Work to complete> When you reach the line with "#21=IFCINDEXEDPOLYGONALFACE((1,2,4,3));" in the data below, begin printing lines exactly, and stop once the line with "#54=IFCSHAPEREPRESENTATION(#29,'Body','Tessellation',(#53));" has been printed.
START Supplied material
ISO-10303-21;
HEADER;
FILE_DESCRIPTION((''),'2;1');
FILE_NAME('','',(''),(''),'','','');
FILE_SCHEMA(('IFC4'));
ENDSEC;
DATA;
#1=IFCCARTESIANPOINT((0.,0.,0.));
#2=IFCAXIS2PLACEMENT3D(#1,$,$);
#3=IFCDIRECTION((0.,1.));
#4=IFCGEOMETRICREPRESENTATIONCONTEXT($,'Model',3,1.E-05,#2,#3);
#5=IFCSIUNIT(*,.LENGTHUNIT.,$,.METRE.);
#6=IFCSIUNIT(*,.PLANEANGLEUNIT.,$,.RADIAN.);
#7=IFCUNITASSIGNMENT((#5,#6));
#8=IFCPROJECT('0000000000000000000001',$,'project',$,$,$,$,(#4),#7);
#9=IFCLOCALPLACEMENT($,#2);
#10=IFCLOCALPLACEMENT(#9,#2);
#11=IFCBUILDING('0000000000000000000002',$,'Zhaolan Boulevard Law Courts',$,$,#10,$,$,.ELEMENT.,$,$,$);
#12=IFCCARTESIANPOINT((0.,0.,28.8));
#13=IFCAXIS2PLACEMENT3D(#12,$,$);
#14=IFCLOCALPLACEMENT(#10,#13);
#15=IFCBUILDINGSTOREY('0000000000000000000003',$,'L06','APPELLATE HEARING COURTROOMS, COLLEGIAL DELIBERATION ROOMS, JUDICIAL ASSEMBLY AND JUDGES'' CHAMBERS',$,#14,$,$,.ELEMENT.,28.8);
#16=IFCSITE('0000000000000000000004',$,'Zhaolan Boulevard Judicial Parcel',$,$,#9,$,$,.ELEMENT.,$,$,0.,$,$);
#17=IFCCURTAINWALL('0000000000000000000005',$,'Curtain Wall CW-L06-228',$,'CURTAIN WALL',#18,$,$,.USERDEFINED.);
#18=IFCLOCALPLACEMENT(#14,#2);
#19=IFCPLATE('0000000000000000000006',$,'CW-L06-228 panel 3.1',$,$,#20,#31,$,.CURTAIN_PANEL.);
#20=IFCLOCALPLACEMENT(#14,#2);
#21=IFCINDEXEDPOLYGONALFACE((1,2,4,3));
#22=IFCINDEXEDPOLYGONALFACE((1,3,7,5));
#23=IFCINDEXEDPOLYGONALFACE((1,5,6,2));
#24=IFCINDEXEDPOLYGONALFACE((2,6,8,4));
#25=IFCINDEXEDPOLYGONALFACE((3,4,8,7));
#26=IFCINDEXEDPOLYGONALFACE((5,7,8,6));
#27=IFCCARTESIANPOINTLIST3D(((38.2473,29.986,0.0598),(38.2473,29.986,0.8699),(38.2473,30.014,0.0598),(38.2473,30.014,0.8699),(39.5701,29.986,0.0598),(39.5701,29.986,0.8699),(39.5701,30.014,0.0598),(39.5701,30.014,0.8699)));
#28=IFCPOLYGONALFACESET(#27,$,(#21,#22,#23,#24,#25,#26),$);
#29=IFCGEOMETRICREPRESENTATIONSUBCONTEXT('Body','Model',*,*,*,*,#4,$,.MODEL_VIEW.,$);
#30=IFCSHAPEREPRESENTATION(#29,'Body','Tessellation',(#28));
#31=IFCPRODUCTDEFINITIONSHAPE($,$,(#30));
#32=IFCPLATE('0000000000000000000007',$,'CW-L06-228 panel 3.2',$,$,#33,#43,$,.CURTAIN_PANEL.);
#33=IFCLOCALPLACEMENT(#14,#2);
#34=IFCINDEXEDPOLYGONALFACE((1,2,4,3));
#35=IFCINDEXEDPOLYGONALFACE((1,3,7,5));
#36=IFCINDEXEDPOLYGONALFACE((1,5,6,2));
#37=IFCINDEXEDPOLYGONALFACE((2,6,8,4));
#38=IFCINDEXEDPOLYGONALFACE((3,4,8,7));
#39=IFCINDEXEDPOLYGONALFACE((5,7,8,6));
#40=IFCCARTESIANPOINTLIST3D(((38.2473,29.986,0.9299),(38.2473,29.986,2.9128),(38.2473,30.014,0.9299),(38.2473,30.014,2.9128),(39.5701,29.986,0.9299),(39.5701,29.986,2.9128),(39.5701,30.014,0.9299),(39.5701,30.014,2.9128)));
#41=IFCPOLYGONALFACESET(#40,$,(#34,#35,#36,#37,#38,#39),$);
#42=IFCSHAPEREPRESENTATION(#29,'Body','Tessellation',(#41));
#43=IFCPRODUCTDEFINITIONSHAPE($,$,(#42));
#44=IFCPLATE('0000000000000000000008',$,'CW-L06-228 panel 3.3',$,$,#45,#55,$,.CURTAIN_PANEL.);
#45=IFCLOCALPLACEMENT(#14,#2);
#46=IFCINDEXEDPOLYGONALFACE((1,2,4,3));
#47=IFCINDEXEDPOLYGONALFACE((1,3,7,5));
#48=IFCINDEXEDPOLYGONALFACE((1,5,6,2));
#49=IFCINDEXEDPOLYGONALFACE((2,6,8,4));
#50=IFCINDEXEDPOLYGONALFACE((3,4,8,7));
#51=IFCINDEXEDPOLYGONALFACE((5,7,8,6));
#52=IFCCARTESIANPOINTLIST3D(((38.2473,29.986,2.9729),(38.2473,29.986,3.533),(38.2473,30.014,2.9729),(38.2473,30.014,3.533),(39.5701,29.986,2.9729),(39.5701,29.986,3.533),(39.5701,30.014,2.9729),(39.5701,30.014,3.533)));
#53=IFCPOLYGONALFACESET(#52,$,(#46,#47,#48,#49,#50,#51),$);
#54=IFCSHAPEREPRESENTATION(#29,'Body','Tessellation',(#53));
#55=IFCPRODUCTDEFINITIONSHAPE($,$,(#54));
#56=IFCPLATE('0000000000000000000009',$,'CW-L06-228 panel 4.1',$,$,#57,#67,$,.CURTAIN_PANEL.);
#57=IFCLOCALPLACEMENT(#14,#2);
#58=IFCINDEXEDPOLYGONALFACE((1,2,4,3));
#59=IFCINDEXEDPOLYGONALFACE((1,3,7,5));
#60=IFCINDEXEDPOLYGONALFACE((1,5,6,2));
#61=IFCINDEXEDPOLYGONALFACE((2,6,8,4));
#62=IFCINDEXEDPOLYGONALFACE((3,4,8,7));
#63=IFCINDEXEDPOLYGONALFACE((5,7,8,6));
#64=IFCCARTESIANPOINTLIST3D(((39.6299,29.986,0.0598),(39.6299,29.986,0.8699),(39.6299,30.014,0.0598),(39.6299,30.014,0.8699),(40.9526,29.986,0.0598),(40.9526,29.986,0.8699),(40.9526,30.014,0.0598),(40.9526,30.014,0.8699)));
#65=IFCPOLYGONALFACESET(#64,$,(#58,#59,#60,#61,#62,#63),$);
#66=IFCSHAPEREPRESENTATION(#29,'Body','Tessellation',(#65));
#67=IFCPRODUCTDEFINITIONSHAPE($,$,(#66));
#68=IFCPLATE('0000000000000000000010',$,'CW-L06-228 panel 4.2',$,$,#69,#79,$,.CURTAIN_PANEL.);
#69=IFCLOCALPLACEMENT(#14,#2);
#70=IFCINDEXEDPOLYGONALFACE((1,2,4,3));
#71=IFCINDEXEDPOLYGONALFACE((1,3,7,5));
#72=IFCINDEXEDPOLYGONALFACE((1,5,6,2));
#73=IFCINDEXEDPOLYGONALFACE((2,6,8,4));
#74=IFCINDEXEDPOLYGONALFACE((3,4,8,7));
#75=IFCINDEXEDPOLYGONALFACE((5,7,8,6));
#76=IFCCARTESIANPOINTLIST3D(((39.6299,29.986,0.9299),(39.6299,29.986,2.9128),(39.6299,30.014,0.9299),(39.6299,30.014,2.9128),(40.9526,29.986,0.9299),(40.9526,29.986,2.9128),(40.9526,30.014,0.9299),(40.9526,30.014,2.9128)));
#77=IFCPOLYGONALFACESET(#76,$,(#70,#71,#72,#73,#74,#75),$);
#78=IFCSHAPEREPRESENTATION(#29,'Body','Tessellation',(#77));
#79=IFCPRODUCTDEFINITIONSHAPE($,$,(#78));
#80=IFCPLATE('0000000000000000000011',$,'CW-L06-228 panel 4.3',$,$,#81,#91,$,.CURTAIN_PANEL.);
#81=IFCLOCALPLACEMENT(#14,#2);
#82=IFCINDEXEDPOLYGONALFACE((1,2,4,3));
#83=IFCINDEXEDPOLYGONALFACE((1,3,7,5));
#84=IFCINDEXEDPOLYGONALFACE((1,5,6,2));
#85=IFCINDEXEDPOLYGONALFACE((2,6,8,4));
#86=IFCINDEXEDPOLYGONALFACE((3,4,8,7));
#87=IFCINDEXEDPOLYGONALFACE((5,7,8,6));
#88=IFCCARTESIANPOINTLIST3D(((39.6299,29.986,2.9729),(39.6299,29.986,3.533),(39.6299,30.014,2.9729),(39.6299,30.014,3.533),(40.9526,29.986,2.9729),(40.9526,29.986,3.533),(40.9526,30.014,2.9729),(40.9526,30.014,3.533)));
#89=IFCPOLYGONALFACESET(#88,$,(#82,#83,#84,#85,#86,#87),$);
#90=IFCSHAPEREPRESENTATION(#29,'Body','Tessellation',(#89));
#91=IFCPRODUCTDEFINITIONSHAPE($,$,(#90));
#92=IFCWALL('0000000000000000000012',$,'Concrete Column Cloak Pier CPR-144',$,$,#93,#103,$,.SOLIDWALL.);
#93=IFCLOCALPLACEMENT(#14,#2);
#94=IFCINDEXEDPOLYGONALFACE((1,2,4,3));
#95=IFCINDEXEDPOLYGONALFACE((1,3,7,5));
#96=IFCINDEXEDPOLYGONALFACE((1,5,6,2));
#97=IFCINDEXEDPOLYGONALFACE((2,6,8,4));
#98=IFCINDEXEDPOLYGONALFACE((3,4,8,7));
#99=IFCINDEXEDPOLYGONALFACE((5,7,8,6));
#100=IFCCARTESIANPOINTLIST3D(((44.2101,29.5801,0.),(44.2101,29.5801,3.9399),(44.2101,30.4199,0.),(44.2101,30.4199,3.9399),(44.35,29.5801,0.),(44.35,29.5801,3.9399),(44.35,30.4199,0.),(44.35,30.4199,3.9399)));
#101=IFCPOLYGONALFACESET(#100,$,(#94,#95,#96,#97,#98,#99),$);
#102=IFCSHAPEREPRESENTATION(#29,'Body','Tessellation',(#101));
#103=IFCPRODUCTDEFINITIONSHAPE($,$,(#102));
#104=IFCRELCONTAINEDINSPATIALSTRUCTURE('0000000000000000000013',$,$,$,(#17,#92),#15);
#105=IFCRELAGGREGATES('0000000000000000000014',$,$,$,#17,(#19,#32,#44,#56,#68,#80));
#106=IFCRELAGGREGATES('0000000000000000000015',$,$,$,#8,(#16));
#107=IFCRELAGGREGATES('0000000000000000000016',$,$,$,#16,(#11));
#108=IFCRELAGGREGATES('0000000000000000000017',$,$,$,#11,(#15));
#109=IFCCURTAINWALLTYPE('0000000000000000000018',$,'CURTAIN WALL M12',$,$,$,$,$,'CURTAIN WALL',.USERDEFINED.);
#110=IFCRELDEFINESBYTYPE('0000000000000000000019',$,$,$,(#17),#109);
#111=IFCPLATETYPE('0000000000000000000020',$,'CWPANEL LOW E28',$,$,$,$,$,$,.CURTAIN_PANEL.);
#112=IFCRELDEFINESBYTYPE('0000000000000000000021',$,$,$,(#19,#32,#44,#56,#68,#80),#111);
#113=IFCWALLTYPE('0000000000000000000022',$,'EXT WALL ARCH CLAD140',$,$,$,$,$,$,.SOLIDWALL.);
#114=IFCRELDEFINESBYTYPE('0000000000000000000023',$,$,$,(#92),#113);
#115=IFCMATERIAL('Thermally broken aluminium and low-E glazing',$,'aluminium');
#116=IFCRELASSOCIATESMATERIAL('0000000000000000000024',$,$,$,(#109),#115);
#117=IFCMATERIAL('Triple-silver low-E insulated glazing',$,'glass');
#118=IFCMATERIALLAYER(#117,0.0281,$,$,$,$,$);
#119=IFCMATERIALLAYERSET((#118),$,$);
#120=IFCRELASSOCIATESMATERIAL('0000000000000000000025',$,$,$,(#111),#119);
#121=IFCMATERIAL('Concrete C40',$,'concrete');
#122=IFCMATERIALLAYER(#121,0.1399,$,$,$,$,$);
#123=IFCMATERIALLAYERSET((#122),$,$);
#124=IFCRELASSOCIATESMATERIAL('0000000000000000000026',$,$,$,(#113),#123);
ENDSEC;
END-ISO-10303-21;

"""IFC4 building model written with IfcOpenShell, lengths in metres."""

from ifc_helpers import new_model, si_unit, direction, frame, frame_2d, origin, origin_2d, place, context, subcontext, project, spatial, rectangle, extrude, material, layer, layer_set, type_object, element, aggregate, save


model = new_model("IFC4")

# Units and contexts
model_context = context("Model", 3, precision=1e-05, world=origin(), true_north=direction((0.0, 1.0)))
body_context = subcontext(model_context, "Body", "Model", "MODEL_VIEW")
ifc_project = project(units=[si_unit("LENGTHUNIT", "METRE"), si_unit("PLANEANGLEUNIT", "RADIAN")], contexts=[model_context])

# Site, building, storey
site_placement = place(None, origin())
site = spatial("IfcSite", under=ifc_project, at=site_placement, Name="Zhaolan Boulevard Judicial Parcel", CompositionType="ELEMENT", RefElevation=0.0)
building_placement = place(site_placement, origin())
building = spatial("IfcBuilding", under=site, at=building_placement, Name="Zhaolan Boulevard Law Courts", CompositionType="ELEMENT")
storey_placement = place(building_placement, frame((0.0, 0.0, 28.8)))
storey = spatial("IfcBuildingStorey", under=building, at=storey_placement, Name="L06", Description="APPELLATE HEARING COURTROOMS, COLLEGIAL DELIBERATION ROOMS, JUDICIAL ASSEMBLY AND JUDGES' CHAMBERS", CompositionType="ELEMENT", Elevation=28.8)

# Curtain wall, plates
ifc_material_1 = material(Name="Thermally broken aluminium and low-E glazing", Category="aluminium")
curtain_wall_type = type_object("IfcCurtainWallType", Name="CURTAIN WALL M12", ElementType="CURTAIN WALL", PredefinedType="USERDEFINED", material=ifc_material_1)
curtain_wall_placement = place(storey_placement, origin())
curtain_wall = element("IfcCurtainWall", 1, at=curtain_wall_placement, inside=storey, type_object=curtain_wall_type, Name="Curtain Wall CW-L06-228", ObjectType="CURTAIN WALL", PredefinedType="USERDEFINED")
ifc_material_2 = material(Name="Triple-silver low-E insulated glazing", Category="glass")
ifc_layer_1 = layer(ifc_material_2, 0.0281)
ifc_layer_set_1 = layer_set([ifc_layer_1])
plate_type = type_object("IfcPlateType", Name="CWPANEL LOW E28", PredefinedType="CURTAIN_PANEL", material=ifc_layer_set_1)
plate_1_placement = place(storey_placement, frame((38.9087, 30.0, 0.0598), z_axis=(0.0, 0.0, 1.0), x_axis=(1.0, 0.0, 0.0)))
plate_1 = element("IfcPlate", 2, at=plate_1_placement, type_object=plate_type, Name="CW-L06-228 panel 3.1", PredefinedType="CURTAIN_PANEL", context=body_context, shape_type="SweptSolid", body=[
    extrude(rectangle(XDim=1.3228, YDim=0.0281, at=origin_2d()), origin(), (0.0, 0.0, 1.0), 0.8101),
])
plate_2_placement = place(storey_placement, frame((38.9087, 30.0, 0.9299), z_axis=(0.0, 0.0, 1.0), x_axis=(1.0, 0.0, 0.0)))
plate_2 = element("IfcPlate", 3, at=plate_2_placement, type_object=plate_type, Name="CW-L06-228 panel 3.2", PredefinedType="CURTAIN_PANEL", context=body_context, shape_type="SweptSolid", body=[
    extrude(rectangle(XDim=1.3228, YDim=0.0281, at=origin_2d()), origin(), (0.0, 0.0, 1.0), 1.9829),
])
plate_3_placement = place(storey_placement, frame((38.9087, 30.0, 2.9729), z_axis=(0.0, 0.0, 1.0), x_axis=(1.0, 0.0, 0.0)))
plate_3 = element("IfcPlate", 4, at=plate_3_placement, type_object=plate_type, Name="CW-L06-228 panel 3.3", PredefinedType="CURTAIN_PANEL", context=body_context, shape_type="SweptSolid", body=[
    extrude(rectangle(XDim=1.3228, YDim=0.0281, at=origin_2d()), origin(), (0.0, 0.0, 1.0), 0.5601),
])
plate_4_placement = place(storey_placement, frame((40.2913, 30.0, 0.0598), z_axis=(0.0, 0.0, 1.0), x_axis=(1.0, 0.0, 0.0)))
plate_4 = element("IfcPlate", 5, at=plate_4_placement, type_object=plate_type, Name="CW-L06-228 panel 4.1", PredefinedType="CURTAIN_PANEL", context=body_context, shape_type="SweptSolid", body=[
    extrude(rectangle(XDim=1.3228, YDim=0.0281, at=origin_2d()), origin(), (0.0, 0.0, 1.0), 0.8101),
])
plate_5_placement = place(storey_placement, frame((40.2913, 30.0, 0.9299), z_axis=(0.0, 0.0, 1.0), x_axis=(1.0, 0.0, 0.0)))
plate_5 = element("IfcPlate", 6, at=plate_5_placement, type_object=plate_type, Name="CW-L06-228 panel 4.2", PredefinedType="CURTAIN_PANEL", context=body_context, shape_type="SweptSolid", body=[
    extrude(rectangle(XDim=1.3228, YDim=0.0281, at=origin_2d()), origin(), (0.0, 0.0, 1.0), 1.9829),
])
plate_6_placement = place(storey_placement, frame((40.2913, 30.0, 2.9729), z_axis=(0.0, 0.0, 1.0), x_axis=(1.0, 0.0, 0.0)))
END Supplied material
Reply>
#21=IFCINDEXEDPOLYGONALFACE((1,2,4,3));
#22=IFCINDEXEDPOLYGONALFACE((1,3,7,5));
#23=IFCINDEXEDPOLYGONALFACE((1,5,6,2));
#24=IFCINDEXEDPOLYGONALFACE((2,6,8,4));
#25=IFCINDEXEDPOLYGONALFACE((3,4,8,7));
#26=IFCINDEXEDPOLYGONALFACE((5,7,8,6));
#27=IFCCARTESIANPOINTLIST3D(((38.2473,29.986,0.0598),(38.2473,29.986,0.8699),(38.2473,30.014,0.0598),(38.2473,30.014,0.8699),(39.5701,29.986,0.0598),(39.5701,29.986,0.8699),(39.5701,30.014,0.0598),(39.5701,30.014,0.8699)));
#28=IFCPOLYGONALFACESET(#27,$,(#21,#22,#23,#24,#25,#26),$);
#29=IFCGEOMETRICREPRESENTATIONSUBCONTEXT('Body','Model',*,*,*,*,#4,$,.MODEL_VIEW.,$);
#30=IFCSHAPEREPRESENTATION(#29,'Body','Tessellation',(#28));
#31=IFCPRODUCTDEFINITIONSHAPE($,$,(#30));
#32=IFCPLATE('0000000000000000000007',$,'CW-L06-228 panel 3.2',$,$,#33,#43,$,.CURTAIN_PANEL.);
#33=IFCLOCALPLACEMENT(#14,#2);
#34=IFCINDEXEDPOLYGONALFACE((1,2,4,3));
#35=IFCINDEXEDPOLYGONALFACE((1,3,7,5));
#36=IFCINDEXEDPOLYGONALFACE((1,5,6,2));
#37=IFCINDEXEDPOLYGONALFACE((2,6,8,4));
#38=IFCINDEXEDPOLYGONALFACE((3,4,8,7));
#39=IFCINDEXEDPOLYGONALFACE((5,7,8,6));
#40=IFCCARTESIANPOINTLIST3D(((38.2473,29.986,0.9299),(38.2473,29.986,2.9128),(38.2473,30.014,0.9299),(38.2473,30.014,2.9128),(39.5701,29.986,0.9299),(39.5701,29.986,2.9128),(39.5701,30.014,0.9299),(39.5701,30.014,2.9128)));
#41=IFCPOLYGONALFACESET(#40,$,(#34,#35,#36,#37,#38,#39),$);
#42=IFCSHAPEREPRESENTATION(#29,'Body','Tessellation',(#41));
#43=IFCPRODUCTDEFINITIONSHAPE($,$,(#42));
#44=IFCPLATE('0000000000000000000008',$,'CW-L06-228 panel 3.3',$,$,#45,#55,$,.CURTAIN_PANEL.);
#45=IFCLOCALPLACEMENT(#14,#2);
#46=IFCINDEXEDPOLYGONALFACE((1,2,4,3));
#47=IFCINDEXEDPOLYGONALFACE((1,3,7,5));
#48=IFCINDEXEDPOLYGONALFACE((1,5,6,2));
#49=IFCINDEXEDPOLYGONALFACE((2,6,8,4));
#50=IFCINDEXEDPOLYGONALFACE((3,4,8,7));
#51=IFCINDEXEDPOLYGONALFACE((5,7,8,6));
#52=IFCCARTESIANPOINTLIST3D(((38.2473,29.986,2.9729),(38.2473,29.986,3.533),(38.2473,30.014,2.9729),(38.2473,30.014,3.533),(39.5701,29.986,2.9729),(39.5701,29.986,3.533),(39.5701,30.014,2.9729),(39.5701,30.014,3.533)));
#53=IFCPOLYGONALFACESET(#52,$,(#46,#47,#48,#49,#50,#51),$);
#54=IFCSHAPEREPRESENTATION(#29,'Body','Tessellation',(#53));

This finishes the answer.